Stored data
******************************

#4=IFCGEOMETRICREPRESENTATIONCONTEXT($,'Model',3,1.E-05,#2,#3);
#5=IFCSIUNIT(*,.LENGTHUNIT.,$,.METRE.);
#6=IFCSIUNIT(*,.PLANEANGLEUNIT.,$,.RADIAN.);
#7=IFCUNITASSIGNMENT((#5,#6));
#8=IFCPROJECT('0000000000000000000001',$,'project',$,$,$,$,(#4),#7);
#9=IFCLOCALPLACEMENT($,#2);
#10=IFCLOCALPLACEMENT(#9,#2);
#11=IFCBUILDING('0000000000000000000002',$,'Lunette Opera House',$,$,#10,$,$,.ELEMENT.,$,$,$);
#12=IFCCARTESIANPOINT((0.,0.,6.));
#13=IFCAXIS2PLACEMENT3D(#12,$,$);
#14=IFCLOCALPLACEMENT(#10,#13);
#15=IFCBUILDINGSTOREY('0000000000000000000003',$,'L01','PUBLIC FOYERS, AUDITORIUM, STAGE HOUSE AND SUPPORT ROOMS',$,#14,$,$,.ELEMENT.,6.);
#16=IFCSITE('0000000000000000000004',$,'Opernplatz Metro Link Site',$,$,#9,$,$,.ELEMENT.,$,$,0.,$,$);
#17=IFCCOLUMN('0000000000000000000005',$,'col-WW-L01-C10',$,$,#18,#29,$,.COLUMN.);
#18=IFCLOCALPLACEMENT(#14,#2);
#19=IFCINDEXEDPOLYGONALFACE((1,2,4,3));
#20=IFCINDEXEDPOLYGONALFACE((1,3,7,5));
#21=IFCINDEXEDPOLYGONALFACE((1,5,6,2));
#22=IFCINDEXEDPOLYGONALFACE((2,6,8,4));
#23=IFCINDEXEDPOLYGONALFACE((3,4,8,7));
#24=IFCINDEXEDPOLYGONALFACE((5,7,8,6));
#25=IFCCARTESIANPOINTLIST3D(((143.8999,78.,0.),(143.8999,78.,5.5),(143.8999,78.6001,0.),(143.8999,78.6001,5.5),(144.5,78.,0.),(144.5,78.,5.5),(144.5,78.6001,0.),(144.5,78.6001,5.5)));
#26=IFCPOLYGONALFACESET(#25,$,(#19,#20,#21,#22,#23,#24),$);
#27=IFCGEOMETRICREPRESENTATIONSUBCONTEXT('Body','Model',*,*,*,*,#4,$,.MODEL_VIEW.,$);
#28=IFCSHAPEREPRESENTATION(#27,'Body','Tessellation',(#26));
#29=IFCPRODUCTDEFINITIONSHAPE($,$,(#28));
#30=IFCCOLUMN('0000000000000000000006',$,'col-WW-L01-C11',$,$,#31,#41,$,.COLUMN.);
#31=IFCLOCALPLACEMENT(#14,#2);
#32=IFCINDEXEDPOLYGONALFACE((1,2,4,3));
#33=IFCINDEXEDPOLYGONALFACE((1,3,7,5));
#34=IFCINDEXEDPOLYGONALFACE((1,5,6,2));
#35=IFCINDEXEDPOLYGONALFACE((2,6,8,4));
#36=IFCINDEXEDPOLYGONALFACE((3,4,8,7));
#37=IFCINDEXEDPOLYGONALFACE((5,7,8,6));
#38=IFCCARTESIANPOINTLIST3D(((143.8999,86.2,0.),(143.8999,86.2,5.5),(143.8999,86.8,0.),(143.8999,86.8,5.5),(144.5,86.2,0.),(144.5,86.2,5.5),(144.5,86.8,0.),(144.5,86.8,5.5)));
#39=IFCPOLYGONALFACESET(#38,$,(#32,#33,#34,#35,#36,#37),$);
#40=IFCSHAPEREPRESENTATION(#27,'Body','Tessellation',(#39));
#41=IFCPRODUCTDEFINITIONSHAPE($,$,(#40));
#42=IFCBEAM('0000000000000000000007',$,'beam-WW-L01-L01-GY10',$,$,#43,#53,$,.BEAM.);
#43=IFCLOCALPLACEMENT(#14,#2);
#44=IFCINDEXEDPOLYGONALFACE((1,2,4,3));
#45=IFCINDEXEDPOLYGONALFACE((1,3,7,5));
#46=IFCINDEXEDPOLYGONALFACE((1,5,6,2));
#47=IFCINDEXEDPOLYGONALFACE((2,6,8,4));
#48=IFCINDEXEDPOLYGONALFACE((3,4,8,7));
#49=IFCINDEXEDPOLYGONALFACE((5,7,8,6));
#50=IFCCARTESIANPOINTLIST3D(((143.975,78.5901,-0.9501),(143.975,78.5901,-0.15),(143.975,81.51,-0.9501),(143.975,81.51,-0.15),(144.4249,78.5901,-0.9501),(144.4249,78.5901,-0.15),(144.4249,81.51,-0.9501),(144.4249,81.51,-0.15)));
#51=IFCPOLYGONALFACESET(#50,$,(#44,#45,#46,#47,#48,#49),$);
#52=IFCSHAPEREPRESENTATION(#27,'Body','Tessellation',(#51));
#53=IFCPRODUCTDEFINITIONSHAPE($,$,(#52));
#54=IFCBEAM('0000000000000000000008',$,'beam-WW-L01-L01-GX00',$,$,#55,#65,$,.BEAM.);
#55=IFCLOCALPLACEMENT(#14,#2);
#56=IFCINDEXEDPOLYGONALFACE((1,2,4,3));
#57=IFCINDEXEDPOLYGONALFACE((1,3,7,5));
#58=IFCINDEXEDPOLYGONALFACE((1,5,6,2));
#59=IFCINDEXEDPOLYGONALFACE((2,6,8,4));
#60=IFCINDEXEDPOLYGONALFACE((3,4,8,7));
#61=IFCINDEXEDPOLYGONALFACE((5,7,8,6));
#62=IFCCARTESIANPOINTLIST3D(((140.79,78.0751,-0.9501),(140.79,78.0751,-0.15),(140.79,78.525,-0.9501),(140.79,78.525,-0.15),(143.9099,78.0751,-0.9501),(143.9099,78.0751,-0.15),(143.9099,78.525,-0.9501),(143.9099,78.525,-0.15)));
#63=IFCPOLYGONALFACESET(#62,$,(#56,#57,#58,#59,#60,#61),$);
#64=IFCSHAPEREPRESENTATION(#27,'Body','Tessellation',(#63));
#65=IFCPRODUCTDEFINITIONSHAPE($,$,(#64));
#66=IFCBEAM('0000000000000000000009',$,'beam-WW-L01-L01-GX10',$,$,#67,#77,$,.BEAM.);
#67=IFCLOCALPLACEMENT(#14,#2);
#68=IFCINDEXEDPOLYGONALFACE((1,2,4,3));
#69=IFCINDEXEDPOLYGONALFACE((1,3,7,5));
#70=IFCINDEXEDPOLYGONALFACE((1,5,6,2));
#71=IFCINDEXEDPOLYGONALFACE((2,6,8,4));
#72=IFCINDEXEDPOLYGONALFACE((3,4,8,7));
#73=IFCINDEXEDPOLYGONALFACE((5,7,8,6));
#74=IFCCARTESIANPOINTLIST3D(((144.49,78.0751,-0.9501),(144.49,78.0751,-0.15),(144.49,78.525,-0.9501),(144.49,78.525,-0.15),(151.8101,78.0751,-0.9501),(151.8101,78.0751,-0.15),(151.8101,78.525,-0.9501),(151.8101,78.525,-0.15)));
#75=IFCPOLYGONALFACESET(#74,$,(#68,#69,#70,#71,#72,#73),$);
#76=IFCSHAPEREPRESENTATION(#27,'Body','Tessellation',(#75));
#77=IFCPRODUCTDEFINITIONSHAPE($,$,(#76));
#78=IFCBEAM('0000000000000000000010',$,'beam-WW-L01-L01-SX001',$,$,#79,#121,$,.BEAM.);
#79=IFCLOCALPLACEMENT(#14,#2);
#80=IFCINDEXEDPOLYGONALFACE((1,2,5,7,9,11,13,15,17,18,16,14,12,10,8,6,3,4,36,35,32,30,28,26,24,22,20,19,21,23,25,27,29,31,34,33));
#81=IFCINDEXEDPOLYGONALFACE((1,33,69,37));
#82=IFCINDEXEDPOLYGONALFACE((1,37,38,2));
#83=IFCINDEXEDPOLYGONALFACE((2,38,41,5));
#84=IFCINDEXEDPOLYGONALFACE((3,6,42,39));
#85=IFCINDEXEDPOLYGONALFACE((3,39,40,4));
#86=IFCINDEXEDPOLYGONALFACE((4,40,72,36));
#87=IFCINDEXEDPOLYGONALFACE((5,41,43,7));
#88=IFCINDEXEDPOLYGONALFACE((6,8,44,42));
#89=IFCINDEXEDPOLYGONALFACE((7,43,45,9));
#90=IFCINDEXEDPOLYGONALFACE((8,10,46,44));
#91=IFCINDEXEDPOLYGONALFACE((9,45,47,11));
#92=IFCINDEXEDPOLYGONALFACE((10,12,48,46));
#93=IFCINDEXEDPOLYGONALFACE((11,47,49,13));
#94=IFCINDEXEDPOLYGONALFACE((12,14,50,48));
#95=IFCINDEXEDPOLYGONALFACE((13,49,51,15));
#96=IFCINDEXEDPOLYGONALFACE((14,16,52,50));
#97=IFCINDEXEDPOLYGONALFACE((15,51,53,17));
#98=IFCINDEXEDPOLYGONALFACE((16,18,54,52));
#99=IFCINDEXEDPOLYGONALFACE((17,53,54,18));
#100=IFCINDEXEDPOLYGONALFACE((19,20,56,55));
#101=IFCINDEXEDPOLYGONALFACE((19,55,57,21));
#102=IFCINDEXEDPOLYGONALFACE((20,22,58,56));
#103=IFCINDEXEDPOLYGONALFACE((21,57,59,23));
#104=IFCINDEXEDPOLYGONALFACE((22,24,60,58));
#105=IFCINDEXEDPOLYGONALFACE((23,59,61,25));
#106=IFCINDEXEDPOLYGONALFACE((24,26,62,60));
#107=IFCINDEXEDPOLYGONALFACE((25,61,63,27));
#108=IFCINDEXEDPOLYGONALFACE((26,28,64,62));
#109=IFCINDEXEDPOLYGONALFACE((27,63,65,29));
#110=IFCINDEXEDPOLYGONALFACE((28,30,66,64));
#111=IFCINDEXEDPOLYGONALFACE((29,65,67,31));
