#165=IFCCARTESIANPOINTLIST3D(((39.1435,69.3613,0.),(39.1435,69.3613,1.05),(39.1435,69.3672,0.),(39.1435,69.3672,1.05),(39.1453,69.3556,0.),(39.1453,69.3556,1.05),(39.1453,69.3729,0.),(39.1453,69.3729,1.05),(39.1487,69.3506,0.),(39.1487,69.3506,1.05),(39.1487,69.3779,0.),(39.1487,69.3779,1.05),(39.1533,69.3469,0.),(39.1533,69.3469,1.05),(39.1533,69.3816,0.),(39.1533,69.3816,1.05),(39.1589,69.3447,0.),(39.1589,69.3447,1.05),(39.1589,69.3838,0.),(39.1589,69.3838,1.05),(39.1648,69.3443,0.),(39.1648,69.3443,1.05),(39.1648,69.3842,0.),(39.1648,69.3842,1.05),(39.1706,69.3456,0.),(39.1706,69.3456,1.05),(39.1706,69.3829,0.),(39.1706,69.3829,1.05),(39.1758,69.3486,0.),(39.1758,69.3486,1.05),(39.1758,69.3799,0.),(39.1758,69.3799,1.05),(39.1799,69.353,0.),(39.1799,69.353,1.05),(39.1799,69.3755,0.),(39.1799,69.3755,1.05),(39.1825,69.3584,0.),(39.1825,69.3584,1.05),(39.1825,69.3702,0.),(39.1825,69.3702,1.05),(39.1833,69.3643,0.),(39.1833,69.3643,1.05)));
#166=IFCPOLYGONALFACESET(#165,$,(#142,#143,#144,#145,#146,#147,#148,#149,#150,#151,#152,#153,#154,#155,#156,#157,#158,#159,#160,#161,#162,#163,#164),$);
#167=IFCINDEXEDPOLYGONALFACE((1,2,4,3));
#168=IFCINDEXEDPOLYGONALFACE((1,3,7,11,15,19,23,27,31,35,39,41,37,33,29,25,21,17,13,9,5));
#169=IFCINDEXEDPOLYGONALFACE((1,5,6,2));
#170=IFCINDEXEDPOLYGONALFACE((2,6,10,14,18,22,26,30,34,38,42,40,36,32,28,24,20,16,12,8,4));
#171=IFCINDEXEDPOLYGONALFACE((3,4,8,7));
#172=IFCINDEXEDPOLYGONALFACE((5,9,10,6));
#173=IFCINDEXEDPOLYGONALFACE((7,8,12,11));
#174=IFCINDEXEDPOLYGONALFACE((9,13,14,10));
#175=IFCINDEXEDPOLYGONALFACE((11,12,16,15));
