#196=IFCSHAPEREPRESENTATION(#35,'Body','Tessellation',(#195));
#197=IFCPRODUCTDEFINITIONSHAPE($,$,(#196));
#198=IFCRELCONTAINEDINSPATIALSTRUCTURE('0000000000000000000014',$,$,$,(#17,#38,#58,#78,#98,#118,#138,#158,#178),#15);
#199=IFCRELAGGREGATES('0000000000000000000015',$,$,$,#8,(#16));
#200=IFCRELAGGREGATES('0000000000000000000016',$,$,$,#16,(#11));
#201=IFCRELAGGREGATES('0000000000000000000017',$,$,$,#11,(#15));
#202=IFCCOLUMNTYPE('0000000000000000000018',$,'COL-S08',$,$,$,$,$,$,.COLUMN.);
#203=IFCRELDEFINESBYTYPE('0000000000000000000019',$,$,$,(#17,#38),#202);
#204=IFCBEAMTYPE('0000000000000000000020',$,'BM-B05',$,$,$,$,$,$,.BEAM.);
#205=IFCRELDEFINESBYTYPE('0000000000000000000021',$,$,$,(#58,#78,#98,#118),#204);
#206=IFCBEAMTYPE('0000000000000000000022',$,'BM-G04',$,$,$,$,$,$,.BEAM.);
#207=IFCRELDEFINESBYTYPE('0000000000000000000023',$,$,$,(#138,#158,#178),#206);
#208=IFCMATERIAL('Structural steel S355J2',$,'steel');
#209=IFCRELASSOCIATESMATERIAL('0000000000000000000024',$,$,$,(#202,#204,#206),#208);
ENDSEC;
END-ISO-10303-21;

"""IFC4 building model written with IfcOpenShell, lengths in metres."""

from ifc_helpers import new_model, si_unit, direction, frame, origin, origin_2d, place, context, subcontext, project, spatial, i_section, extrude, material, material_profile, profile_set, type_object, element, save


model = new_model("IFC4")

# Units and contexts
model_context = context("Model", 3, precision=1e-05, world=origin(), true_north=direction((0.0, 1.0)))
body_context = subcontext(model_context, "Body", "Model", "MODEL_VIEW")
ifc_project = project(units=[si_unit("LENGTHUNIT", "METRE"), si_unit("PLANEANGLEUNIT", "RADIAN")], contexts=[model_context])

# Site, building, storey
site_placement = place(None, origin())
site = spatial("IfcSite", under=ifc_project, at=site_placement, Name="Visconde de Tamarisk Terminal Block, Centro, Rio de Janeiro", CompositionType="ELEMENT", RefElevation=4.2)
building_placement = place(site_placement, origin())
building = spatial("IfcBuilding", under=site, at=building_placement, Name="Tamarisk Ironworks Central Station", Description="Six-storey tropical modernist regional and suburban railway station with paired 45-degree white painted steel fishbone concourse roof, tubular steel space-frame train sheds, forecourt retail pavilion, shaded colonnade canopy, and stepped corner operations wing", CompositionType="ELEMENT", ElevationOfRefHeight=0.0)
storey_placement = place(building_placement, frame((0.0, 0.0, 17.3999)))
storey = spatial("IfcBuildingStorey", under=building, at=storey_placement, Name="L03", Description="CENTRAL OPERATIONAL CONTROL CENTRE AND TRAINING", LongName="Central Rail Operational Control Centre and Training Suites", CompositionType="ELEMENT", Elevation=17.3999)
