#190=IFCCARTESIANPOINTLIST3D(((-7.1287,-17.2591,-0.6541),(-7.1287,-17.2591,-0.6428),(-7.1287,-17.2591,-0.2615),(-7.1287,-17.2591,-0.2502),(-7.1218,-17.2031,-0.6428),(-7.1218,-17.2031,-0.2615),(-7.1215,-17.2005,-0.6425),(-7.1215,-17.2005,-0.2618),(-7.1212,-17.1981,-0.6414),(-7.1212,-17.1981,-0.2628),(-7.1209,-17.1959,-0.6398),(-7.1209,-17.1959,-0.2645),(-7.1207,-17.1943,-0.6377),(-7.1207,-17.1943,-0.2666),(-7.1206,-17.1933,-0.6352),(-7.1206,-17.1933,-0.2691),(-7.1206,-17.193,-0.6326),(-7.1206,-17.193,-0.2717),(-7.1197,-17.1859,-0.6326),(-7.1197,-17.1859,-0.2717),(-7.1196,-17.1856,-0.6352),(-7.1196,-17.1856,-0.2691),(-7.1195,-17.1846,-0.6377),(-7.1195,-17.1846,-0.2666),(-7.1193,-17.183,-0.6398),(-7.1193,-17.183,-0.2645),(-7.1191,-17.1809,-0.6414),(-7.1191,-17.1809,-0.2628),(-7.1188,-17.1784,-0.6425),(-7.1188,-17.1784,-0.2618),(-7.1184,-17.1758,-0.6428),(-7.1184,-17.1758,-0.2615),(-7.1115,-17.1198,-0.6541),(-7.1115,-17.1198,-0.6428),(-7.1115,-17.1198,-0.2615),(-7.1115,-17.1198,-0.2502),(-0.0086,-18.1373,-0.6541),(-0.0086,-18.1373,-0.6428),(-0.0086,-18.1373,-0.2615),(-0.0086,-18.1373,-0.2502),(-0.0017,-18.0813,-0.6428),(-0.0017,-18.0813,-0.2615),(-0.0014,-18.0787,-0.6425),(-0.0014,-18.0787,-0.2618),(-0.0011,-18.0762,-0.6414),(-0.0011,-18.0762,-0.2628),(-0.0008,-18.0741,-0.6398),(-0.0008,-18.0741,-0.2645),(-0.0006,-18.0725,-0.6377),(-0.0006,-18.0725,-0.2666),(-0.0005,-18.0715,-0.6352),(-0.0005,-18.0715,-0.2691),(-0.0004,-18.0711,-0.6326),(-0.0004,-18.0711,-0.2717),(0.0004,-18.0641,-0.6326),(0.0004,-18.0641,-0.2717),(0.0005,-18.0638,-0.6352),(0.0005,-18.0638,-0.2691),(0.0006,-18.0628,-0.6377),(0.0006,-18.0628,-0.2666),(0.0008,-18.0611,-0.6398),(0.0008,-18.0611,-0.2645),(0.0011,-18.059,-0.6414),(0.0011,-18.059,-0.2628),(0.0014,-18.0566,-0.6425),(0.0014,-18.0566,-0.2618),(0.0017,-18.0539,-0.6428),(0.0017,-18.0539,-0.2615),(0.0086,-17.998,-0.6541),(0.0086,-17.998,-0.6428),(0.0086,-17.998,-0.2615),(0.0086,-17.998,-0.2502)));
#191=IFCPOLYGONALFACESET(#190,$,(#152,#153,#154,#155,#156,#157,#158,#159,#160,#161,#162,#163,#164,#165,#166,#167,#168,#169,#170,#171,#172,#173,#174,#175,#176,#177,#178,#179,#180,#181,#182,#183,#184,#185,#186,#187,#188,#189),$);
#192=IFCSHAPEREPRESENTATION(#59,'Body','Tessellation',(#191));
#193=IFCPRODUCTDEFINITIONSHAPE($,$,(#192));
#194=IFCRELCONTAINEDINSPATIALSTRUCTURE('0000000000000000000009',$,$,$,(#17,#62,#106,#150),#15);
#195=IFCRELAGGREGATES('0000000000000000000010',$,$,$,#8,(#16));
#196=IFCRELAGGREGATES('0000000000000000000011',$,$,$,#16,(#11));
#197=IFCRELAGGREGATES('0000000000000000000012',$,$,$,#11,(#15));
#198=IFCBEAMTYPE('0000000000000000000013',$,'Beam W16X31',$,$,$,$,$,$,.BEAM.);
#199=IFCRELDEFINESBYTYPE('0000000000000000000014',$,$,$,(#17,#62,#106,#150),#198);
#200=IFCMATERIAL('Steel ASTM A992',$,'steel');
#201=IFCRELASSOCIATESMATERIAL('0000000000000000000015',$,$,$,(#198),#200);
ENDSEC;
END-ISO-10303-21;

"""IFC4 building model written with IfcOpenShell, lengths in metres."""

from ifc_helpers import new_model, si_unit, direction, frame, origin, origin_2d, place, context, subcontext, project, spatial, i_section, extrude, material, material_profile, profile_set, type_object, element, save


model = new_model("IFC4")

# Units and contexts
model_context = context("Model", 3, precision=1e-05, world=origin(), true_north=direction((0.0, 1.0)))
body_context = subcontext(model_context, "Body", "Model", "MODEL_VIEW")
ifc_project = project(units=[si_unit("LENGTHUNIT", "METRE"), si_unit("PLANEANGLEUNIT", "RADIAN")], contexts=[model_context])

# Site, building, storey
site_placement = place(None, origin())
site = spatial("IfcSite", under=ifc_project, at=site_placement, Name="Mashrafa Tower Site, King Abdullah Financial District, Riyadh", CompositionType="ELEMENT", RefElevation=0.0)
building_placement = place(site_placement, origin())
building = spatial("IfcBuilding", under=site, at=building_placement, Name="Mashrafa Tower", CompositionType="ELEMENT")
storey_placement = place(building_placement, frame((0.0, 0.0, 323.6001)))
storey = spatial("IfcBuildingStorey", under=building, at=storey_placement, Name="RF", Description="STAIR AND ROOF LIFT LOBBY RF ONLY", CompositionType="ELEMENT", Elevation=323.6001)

******************************

**WHAT NEEDS TO BE DONE**
Look through the entries above and quote exactly the lines from the line with "#45=IFCINDEXEDPOLYGONALFACE((1,3,7,5));" to the line with "#53=IFCPRODUCTDEFINITIONSHAPE($,$,(#52));", counting both of those lines.

**WRITTEN RESPONSE**
#45=IFCINDEXEDPOLYGONALFACE((1,3,7,5));
#46=IFCINDEXEDPOLYGONALFACE((1,5,6,2));
#47=IFCINDEXEDPOLYGONALFACE((2,6,8,4));
#48=IFCINDEXEDPOLYGONALFACE((3,4,8,7));
#49=IFCINDEXEDPOLYGONALFACE((5,7,8,6));
#50=IFCCARTESIANPOINTLIST3D(((143.975,78.5901,-0.9501),(143.975,78.5901,-0.15),(143.975,81.51,-0.9501),(143.975,81.51,-0.15),(144.4249,78.5901,-0.9501),(144.4249,78.5901,-0.15),(144.4249,81.51,-0.9501),(144.4249,81.51,-0.15)));
#51=IFCPOLYGONALFACESET(#50,$,(#44,#45,#46,#47,#48,#49),$);
#52=IFCSHAPEREPRESENTATION(#27,'Body','Tessellation',(#51));
#53=IFCPRODUCTDEFINITIONSHAPE($,$,(#52));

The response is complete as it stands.